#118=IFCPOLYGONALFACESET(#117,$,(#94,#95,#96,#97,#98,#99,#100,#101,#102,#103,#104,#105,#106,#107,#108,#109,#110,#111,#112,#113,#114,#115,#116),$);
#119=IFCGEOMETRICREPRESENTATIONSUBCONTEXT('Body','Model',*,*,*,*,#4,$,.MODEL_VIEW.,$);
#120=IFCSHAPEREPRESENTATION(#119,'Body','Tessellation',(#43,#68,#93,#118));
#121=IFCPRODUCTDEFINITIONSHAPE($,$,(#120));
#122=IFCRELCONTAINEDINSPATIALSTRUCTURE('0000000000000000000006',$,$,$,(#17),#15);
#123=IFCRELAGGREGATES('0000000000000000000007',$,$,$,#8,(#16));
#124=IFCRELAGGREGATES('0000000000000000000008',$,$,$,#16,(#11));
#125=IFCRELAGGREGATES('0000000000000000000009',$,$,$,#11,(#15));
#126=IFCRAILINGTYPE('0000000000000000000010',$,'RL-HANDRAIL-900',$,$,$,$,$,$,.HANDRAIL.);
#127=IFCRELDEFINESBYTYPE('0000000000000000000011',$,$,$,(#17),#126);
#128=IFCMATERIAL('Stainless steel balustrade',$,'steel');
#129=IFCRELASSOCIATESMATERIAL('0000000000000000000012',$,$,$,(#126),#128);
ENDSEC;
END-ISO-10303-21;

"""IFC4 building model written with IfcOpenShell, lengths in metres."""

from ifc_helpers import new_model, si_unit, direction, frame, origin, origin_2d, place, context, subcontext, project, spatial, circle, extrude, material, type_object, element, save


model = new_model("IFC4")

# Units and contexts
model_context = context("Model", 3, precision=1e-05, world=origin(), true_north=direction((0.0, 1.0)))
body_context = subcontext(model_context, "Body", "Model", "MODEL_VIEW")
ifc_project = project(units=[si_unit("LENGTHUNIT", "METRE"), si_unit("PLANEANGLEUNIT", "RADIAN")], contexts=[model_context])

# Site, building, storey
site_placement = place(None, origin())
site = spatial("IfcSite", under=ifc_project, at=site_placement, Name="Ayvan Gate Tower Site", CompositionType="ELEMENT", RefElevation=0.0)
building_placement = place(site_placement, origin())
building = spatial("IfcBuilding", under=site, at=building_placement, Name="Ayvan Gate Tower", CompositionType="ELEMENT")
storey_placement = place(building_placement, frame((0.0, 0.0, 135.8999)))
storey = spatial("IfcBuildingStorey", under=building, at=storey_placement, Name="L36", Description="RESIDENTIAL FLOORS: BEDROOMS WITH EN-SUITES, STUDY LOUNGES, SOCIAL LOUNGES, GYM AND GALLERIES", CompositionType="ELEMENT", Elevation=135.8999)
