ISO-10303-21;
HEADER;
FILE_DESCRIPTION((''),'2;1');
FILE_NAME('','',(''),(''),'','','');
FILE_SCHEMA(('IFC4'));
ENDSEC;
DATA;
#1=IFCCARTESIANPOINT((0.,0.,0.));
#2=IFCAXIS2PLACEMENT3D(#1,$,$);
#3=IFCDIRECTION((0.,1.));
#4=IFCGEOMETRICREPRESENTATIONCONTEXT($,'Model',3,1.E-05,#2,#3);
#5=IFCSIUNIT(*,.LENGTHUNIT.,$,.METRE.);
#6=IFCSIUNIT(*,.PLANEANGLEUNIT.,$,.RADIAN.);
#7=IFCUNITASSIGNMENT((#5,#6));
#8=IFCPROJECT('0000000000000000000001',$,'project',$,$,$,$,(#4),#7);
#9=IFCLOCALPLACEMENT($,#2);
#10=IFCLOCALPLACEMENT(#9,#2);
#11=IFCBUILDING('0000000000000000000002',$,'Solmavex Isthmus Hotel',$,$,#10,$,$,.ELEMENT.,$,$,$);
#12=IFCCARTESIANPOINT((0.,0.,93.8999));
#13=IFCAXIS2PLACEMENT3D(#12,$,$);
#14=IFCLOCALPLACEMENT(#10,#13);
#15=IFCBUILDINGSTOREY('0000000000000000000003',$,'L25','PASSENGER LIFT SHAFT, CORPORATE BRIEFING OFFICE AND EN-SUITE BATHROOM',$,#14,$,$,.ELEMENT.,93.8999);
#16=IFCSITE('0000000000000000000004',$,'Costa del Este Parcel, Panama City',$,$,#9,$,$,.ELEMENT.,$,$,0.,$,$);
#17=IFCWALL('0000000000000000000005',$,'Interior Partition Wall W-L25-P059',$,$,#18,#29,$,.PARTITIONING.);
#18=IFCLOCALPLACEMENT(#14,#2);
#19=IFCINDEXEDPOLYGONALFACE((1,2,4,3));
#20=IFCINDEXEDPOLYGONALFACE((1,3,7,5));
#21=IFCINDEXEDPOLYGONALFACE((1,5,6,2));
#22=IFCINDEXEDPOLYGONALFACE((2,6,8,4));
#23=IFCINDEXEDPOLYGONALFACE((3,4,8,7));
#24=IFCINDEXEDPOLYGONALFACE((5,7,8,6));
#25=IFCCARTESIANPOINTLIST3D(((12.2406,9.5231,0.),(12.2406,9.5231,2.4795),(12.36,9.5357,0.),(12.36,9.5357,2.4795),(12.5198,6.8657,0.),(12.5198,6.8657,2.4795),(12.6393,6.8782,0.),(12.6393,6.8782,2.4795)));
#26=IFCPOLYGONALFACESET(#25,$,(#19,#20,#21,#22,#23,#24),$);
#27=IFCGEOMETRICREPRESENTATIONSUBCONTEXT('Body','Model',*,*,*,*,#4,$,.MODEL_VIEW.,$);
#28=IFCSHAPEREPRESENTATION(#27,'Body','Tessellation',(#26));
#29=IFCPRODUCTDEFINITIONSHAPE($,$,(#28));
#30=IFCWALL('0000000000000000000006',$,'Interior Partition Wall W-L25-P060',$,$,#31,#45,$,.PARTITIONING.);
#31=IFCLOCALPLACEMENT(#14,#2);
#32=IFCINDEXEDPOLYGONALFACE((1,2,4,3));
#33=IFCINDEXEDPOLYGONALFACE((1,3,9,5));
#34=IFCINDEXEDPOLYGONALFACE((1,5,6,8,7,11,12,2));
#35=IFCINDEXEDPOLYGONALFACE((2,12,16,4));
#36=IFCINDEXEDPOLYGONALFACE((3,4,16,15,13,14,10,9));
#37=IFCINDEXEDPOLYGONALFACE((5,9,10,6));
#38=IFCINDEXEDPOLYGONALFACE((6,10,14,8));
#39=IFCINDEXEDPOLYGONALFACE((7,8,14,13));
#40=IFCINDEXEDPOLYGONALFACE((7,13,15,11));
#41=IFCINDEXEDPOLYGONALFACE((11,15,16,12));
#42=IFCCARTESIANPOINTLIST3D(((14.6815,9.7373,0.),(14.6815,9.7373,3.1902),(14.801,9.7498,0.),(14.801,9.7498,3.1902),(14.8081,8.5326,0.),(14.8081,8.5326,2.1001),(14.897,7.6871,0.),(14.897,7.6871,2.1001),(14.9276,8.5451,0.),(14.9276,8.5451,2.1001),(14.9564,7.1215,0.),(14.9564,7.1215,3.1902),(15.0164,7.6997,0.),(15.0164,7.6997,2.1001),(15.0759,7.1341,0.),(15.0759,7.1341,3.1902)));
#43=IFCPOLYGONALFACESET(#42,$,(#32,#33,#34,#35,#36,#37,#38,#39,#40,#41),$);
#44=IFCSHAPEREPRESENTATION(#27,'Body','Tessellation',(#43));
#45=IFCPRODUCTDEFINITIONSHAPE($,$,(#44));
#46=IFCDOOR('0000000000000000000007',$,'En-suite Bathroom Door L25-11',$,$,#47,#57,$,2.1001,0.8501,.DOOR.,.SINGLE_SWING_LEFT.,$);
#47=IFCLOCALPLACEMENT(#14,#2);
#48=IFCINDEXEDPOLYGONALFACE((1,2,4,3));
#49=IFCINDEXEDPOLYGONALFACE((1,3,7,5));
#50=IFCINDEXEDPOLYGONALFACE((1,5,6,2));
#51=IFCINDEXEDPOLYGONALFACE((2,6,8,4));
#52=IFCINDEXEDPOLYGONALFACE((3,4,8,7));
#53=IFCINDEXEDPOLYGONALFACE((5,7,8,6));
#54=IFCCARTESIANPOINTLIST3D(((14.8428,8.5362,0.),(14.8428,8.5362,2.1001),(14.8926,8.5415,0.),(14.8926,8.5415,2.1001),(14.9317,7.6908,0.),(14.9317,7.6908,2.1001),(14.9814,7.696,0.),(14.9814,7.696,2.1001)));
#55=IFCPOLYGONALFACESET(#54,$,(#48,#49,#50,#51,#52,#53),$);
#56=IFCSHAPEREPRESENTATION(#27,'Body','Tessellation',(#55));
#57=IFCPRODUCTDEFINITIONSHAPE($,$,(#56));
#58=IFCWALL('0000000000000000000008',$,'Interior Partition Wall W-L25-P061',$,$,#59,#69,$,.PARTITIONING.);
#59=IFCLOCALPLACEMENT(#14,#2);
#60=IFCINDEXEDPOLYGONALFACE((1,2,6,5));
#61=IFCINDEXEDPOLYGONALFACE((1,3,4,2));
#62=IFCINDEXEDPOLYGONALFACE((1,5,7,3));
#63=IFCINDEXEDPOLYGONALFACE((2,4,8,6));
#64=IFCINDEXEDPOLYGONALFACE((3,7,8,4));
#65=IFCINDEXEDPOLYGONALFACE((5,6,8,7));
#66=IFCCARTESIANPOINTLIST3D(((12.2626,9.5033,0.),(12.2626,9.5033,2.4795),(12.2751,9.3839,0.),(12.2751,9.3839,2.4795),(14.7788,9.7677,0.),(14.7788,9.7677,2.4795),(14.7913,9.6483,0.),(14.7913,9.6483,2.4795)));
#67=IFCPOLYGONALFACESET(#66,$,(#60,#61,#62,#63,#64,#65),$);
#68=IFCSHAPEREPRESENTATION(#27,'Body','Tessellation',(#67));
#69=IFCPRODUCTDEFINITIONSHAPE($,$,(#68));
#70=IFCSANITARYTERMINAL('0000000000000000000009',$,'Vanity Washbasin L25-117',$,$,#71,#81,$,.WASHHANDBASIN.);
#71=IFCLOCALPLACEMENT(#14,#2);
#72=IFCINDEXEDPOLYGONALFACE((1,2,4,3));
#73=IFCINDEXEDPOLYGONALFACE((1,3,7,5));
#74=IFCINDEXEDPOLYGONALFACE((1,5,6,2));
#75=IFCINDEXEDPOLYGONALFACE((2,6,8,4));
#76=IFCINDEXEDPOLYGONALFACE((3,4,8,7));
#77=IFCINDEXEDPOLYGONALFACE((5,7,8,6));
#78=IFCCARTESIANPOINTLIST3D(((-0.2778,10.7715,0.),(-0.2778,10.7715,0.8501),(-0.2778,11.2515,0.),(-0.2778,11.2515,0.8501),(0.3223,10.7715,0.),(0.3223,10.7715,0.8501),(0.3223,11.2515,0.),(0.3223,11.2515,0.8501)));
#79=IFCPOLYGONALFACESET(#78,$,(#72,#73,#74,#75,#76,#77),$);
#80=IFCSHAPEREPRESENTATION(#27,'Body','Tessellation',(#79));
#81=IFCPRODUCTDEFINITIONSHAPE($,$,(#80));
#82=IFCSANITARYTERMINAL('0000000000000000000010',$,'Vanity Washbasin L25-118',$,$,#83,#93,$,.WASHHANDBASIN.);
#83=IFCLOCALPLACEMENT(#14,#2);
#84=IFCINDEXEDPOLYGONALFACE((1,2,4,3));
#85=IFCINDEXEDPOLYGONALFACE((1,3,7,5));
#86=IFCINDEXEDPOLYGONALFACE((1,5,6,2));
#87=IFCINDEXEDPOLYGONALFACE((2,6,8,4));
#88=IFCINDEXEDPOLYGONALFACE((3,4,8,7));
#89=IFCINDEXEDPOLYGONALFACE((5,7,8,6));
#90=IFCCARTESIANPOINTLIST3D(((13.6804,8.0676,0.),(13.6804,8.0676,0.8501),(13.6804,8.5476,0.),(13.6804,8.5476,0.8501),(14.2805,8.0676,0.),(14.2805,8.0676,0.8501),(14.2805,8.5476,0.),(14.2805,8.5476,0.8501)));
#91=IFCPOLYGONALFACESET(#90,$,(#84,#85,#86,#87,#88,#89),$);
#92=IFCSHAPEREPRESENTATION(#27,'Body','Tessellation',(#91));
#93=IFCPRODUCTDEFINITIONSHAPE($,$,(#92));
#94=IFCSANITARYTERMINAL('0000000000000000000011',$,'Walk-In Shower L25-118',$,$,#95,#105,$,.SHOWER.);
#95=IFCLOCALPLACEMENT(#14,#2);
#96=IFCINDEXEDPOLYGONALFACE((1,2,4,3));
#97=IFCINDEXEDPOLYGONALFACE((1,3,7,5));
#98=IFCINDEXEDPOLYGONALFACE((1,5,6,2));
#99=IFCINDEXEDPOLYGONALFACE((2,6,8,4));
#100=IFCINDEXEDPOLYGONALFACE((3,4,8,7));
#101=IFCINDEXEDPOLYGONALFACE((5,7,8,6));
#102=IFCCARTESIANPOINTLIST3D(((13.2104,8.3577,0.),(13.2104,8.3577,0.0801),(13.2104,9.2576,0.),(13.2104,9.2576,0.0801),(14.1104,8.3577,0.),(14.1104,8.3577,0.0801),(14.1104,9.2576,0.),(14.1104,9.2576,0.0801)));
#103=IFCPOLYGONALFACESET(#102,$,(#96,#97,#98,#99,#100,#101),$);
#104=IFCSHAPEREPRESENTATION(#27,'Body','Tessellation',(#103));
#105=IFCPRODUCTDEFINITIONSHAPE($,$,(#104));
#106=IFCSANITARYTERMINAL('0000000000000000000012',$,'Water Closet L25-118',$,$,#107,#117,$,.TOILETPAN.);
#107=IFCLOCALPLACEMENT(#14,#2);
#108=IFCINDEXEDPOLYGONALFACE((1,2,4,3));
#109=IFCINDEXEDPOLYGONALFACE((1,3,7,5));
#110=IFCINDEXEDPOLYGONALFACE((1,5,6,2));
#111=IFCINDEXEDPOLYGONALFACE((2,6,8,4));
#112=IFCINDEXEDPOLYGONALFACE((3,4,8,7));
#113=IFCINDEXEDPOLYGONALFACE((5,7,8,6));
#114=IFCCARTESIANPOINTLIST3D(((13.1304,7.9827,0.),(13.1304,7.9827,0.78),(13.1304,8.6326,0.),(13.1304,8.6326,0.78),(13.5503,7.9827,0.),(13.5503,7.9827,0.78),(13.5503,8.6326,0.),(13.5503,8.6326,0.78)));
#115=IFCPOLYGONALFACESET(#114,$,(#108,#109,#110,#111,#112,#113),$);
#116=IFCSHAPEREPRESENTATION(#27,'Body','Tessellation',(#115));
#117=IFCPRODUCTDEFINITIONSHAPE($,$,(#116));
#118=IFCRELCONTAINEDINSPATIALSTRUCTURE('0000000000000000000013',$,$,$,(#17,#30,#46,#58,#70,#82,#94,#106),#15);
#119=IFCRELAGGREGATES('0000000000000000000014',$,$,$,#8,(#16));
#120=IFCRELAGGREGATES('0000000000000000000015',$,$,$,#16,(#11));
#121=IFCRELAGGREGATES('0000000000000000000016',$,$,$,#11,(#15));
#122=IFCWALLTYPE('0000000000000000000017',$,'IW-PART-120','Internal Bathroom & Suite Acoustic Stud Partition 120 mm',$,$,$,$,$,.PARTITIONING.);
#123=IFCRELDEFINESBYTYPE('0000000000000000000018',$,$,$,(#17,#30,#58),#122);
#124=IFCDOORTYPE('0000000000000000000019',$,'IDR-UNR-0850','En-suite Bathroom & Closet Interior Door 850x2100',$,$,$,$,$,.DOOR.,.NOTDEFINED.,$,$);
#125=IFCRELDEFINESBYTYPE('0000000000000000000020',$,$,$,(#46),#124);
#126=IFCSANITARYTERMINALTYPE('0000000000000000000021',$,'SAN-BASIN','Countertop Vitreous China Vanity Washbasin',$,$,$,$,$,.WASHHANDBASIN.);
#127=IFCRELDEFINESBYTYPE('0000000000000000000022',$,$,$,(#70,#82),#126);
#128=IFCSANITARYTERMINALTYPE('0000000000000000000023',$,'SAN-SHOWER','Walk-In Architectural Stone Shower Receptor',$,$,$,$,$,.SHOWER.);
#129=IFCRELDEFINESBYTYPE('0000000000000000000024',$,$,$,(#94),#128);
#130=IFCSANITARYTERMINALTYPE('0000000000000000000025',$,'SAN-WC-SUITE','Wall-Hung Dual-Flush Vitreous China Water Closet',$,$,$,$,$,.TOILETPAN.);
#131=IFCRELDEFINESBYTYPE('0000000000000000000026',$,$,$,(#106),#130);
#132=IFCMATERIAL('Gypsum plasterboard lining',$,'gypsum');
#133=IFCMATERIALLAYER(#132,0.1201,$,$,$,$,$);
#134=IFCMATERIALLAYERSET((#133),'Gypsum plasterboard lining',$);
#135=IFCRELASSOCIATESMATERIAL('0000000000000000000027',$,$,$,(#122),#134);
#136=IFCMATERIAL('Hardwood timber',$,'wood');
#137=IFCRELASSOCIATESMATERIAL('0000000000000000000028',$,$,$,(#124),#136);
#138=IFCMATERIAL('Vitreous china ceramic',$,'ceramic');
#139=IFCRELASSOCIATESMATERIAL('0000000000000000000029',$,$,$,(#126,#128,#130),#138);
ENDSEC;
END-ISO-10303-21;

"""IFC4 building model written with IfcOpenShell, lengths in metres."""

from ifc_helpers import new_model, si_unit, direction, frame, frame_2d, origin, origin_2d, place, context, subcontext, project, spatial, rectangle, extrude, material, layer, layer_set, type_object, element, fill, save


model = new_model("IFC4")

# Units and contexts
model_context = context("Model", 3, precision=1e-05, world=origin(), true_north=direction((0.0, 1.0)))
body_context = subcontext(model_context, "Body", "Model", "MODEL_VIEW")
ifc_project = project(units=[si_unit("LENGTHUNIT", "METRE"), si_unit("PLANEANGLEUNIT", "RADIAN")], contexts=[model_context])

# Site, building, storey
site_placement = place(None, origin())
site = spatial("IfcSite", under=ifc_project, at=site_placement, Name="Costa del Este Parcel, Panama City", CompositionType="ELEMENT", RefElevation=0.0)
building_placement = place(site_placement, origin())
building = spatial("IfcBuilding", under=site, at=building_placement, Name="Solmavex Isthmus Hotel", CompositionType="ELEMENT")
storey_placement = place(building_placement, frame((0.0, 0.0, 93.8999)))
storey = spatial("IfcBuildingStorey", under=building, at=storey_placement, Name="L25", Description="PASSENGER LIFT SHAFT, CORPORATE BRIEFING OFFICE AND EN-SUITE BATHROOM", CompositionType="ELEMENT", Elevation=93.8999)

# Shared definitions
ifc_material_1 = material(Name="Gypsum plasterboard lining", Category="gypsum")
ifc_material_2 = material(Name="Hardwood timber", Category="wood")

# Shared definitions
ifc_layer_1 = layer(ifc_material_1, 0.1201)
ifc_layer_set_1 = layer_set([ifc_layer_1], Name="Gypsum plasterboard lining")
wall_type_1 = type_object("IfcWallType", Name="IW-PART-120", Description="Internal Bathroom & Suite Acoustic Stud Partition 120 mm", PredefinedType="PARTITIONING", material=ifc_layer_set_1)

# Shared definitions
door_type_1 = type_object("IfcDoorType", Name="IDR-UNR-0850", Description="En-suite Bathroom & Closet Interior Door 850x2100", OperationType="NOTDEFINED", PredefinedType="DOOR", material=ifc_material_2)

# Wall
wall_1_placement = place(storey_placement, frame((12.3003, 9.5293, 0.0), z_axis=(0.0, 0.0, 1.0), x_axis=(0.104523, -0.994522, 0.0)))
element("IfcWall", 1, at=wall_1_placement, inside=storey, type_object=wall_type_1, Name="Interior Partition Wall W-L25-P059", PredefinedType="PARTITIONING", context=body_context, shape_type="SweptSolid", body=[
    extrude(rectangle(XDim=2.6721, YDim=0.1201, at=frame_2d((1.3359, 0.0))), origin(), (0.0, 0.0, 1.0), 2.4795),
])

☆ ☆ ☆ ☆

[Task statement]:
Could you reproduce exactly the lines of the entries above, from the one with "AND EN-SUITE BATHROOM',$,#14,$,$,.ELEMENT.,93.8999);" through the one with "#39=IFCINDEXEDPOLYGONALFACE((7,8,14,13));", and nothing else?

[Completed exercise]:
#15=IFCBUILDINGSTOREY('0000000000000000000003',$,'L25','PASSENGER LIFT SHAFT, CORPORATE BRIEFING OFFICE AND EN-SUITE BATHROOM',$,#14,$,$,.ELEMENT.,93.8999);
#16=IFCSITE('0000000000000000000004',$,'Costa del Este Parcel, Panama City',$,$,#9,$,$,.ELEMENT.,$,$,0.,$,$);
#17=IFCWALL('0000000000000000000005',$,'Interior Partition Wall W-L25-P059',$,$,#18,#29,$,.PARTITIONING.);
#18=IFCLOCALPLACEMENT(#14,#2);
#19=IFCINDEXEDPOLYGONALFACE((1,2,4,3));
#20=IFCINDEXEDPOLYGONALFACE((1,3,7,5));
#21=IFCINDEXEDPOLYGONALFACE((1,5,6,2));
#22=IFCINDEXEDPOLYGONALFACE((2,6,8,4));
#23=IFCINDEXEDPOLYGONALFACE((3,4,8,7));
#24=IFCINDEXEDPOLYGONALFACE((5,7,8,6));
#25=IFCCARTESIANPOINTLIST3D(((12.2406,9.5231,0.),(12.2406,9.5231,2.4795),(12.36,9.5357,0.),(12.36,9.5357,2.4795),(12.5198,6.8657,0.),(12.5198,6.8657,2.4795),(12.6393,6.8782,0.),(12.6393,6.8782,2.4795)));
#26=IFCPOLYGONALFACESET(#25,$,(#19,#20,#21,#22,#23,#24),$);
#27=IFCGEOMETRICREPRESENTATIONSUBCONTEXT('Body','Model',*,*,*,*,#4,$,.MODEL_VIEW.,$);
#28=IFCSHAPEREPRESENTATION(#27,'Body','Tessellation',(#26));
#29=IFCPRODUCTDEFINITIONSHAPE($,$,(#28));
#30=IFCWALL('0000000000000000000006',$,'Interior Partition Wall W-L25-P060',$,$,#31,#45,$,.PARTITIONING.);
#31=IFCLOCALPLACEMENT(#14,#2);
#32=IFCINDEXEDPOLYGONALFACE((1,2,4,3));
#33=IFCINDEXEDPOLYGONALFACE((1,3,9,5));
#34=IFCINDEXEDPOLYGONALFACE((1,5,6,8,7,11,12,2));
#35=IFCINDEXEDPOLYGONALFACE((2,12,16,4));
#36=IFCINDEXEDPOLYGONALFACE((3,4,16,15,13,14,10,9));
#37=IFCINDEXEDPOLYGONALFACE((5,9,10,6));
#38=IFCINDEXEDPOLYGONALFACE((6,10,14,8));
#39=IFCINDEXEDPOLYGONALFACE((7,8,14,13));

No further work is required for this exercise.